» Data records
###

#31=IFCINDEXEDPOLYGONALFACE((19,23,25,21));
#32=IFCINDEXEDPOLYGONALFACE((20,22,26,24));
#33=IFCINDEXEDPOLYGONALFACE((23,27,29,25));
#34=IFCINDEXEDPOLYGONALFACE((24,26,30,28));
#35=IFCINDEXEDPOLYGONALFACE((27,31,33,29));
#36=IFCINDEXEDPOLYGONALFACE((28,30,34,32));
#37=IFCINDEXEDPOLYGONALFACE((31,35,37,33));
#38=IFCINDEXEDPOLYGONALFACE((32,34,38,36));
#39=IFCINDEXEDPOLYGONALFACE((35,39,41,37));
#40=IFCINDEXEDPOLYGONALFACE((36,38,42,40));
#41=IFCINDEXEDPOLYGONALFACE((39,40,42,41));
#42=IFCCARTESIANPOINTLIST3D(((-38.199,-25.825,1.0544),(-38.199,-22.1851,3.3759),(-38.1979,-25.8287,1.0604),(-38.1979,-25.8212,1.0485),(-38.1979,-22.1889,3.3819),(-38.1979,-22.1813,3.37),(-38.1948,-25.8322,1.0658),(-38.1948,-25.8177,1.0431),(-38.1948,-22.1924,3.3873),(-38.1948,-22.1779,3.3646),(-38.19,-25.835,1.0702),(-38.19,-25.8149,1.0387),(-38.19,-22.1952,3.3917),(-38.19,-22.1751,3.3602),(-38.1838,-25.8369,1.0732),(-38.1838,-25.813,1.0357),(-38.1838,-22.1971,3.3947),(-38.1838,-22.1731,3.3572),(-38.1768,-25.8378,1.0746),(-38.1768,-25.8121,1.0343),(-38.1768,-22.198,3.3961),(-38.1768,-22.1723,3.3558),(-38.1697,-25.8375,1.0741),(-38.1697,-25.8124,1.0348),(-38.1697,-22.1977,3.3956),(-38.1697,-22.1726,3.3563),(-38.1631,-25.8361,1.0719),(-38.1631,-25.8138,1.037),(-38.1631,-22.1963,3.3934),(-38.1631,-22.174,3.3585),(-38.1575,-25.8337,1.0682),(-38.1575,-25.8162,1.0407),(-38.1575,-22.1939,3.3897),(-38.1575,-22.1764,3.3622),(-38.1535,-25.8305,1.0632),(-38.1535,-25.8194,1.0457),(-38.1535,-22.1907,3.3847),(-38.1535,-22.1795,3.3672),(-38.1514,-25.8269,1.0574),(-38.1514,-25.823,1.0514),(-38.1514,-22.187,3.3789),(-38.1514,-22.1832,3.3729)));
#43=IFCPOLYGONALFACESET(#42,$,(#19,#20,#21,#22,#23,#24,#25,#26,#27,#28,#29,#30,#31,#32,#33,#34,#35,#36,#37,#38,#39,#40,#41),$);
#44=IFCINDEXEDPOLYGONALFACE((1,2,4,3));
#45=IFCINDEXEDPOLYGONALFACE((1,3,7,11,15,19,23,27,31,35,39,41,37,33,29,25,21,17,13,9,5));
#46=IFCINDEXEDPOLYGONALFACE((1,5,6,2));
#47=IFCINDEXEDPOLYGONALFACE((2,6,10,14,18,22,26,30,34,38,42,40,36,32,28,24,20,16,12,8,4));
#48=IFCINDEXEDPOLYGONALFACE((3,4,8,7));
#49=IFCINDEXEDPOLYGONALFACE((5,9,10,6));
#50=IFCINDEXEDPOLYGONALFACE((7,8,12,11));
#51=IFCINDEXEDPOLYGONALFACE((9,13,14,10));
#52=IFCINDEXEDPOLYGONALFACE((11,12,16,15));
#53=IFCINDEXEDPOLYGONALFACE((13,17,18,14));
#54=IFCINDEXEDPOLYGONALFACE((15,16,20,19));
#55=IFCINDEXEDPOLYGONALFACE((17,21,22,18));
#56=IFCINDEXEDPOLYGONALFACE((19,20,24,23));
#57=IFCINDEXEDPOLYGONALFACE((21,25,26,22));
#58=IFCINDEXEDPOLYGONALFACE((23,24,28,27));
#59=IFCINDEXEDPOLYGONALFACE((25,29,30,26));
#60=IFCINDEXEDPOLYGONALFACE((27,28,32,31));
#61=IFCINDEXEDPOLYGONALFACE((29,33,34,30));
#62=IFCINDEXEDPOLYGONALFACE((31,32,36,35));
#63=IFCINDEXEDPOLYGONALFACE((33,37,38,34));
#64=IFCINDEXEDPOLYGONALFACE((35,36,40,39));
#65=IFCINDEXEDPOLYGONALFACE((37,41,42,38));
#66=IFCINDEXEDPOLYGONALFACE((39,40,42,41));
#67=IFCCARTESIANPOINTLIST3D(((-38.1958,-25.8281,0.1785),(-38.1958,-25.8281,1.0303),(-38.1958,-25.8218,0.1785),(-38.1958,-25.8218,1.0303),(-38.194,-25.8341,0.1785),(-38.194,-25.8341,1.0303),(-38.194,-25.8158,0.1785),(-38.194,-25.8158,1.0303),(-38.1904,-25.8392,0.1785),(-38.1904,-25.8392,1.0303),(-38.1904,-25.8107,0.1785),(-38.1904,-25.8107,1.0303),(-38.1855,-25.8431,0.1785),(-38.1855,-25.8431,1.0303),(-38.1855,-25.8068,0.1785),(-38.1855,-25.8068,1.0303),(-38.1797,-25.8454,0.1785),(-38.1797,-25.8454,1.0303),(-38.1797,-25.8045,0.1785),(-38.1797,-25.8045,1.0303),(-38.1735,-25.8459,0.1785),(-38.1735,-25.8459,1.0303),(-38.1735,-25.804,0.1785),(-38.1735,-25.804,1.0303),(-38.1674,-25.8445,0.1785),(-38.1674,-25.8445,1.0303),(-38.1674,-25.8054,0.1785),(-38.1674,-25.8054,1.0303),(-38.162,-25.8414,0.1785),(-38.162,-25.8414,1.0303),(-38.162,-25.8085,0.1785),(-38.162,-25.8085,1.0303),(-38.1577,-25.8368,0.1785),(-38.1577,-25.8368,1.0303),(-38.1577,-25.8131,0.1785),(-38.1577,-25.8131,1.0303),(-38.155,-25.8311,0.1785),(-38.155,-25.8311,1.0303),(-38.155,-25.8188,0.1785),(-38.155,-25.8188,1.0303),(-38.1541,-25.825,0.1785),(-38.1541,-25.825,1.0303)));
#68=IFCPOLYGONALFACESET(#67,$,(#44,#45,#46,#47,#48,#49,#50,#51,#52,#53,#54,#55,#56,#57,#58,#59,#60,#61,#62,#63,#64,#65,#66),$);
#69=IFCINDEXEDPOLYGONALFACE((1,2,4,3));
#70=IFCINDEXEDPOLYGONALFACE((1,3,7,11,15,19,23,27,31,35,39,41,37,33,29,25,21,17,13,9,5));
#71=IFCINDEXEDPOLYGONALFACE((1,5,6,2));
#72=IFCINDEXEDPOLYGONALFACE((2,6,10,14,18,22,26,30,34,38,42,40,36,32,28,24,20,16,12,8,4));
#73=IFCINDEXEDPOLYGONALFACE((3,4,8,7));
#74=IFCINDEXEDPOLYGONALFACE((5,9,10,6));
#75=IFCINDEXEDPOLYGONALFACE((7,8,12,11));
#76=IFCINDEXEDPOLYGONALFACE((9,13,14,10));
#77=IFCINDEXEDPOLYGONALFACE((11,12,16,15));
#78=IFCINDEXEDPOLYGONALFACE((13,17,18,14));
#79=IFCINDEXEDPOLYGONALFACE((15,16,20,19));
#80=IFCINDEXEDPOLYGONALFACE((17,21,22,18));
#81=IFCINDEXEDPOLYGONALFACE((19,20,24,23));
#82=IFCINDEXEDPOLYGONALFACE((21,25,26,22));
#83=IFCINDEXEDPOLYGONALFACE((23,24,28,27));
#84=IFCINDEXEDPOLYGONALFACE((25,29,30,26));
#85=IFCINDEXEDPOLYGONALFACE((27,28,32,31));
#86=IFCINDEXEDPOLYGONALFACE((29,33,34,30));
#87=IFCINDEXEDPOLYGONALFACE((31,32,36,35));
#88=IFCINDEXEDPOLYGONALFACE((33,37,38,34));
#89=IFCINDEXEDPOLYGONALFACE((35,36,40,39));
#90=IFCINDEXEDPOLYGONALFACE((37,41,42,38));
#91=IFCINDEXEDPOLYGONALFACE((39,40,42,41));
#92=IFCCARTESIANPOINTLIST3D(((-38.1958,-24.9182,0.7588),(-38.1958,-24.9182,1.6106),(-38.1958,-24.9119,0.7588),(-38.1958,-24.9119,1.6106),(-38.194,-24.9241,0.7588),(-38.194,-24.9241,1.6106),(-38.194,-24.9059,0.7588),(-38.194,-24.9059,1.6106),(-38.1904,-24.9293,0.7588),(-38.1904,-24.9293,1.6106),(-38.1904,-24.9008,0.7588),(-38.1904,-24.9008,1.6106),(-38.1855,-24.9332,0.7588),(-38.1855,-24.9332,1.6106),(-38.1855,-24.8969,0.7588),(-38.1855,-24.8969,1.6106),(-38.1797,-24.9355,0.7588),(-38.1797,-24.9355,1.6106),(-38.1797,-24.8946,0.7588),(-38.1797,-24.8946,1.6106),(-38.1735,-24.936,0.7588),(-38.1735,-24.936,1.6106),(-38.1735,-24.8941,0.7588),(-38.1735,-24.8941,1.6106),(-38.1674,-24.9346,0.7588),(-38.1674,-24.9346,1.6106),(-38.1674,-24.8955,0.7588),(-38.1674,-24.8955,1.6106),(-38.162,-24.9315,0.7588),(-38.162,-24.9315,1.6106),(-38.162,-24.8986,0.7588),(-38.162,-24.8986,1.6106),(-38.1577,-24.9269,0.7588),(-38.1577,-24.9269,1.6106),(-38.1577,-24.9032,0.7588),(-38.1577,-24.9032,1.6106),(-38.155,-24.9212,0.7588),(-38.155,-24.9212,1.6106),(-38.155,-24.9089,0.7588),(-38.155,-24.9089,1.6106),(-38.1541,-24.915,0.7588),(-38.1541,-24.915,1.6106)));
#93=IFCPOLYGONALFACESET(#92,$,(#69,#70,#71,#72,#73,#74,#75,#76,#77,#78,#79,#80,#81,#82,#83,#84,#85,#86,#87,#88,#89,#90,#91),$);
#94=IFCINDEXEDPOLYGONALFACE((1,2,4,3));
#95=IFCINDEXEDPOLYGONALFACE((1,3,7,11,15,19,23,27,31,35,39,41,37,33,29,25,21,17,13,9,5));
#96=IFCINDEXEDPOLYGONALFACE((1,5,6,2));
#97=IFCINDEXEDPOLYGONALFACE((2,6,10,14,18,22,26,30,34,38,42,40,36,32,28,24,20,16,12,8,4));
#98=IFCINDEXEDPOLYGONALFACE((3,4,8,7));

###

» Your task
Retype the listing from its first line onward, stopping after the line that contains "#46=IFCINDEXEDPOLYGONALFACE((1,5,6,2));" has been retyped in full.

» Reply
#31=IFCINDEXEDPOLYGONALFACE((19,23,25,21));
#32=IFCINDEXEDPOLYGONALFACE((20,22,26,24));
#33=IFCINDEXEDPOLYGONALFACE((23,27,29,25));
#34=IFCINDEXEDPOLYGONALFACE((24,26,30,28));
#35=IFCINDEXEDPOLYGONALFACE((27,31,33,29));
#36=IFCINDEXEDPOLYGONALFACE((28,30,34,32));
#37=IFCINDEXEDPOLYGONALFACE((31,35,37,33));
#38=IFCINDEXEDPOLYGONALFACE((32,34,38,36));
#39=IFCINDEXEDPOLYGONALFACE((35,39,41,37));
#40=IFCINDEXEDPOLYGONALFACE((36,38,42,40));
#41=IFCINDEXEDPOLYGONALFACE((39,40,42,41));
#42=IFCCARTESIANPOINTLIST3D(((-38.199,-25.825,1.0544),(-38.199,-22.1851,3.3759),(-38.1979,-25.8287,1.0604),(-38.1979,-25.8212,1.0485),(-38.1979,-22.1889,3.3819),(-38.1979,-22.1813,3.37),(-38.1948,-25.8322,1.0658),(-38.1948,-25.8177,1.0431),(-38.1948,-22.1924,3.3873),(-38.1948,-22.1779,3.3646),(-38.19,-25.835,1.0702),(-38.19,-25.8149,1.0387),(-38.19,-22.1952,3.3917),(-38.19,-22.1751,3.3602),(-38.1838,-25.8369,1.0732),(-38.1838,-25.813,1.0357),(-38.1838,-22.1971,3.3947),(-38.1838,-22.1731,3.3572),(-38.1768,-25.8378,1.0746),(-38.1768,-25.8121,1.0343),(-38.1768,-22.198,3.3961),(-38.1768,-22.1723,3.3558),(-38.1697,-25.8375,1.0741),(-38.1697,-25.8124,1.0348),(-38.1697,-22.1977,3.3956),(-38.1697,-22.1726,3.3563),(-38.1631,-25.8361,1.0719),(-38.1631,-25.8138,1.037),(-38.1631,-22.1963,3.3934),(-38.1631,-22.174,3.3585),(-38.1575,-25.8337,1.0682),(-38.1575,-25.8162,1.0407),(-38.1575,-22.1939,3.3897),(-38.1575,-22.1764,3.3622),(-38.1535,-25.8305,1.0632),(-38.1535,-25.8194,1.0457),(-38.1535,-22.1907,3.3847),(-38.1535,-22.1795,3.3672),(-38.1514,-25.8269,1.0574),(-38.1514,-25.823,1.0514),(-38.1514,-22.187,3.3789),(-38.1514,-22.1832,3.3729)));
#43=IFCPOLYGONALFACESET(#42,$,(#19,#20,#21,#22,#23,#24,#25,#26,#27,#28,#29,#30,#31,#32,#33,#34,#35,#36,#37,#38,#39,#40,#41),$);
#44=IFCINDEXEDPOLYGONALFACE((1,2,4,3));
#45=IFCINDEXEDPOLYGONALFACE((1,3,7,11,15,19,23,27,31,35,39,41,37,33,29,25,21,17,13,9,5));
#46=IFCINDEXEDPOLYGONALFACE((1,5,6,2));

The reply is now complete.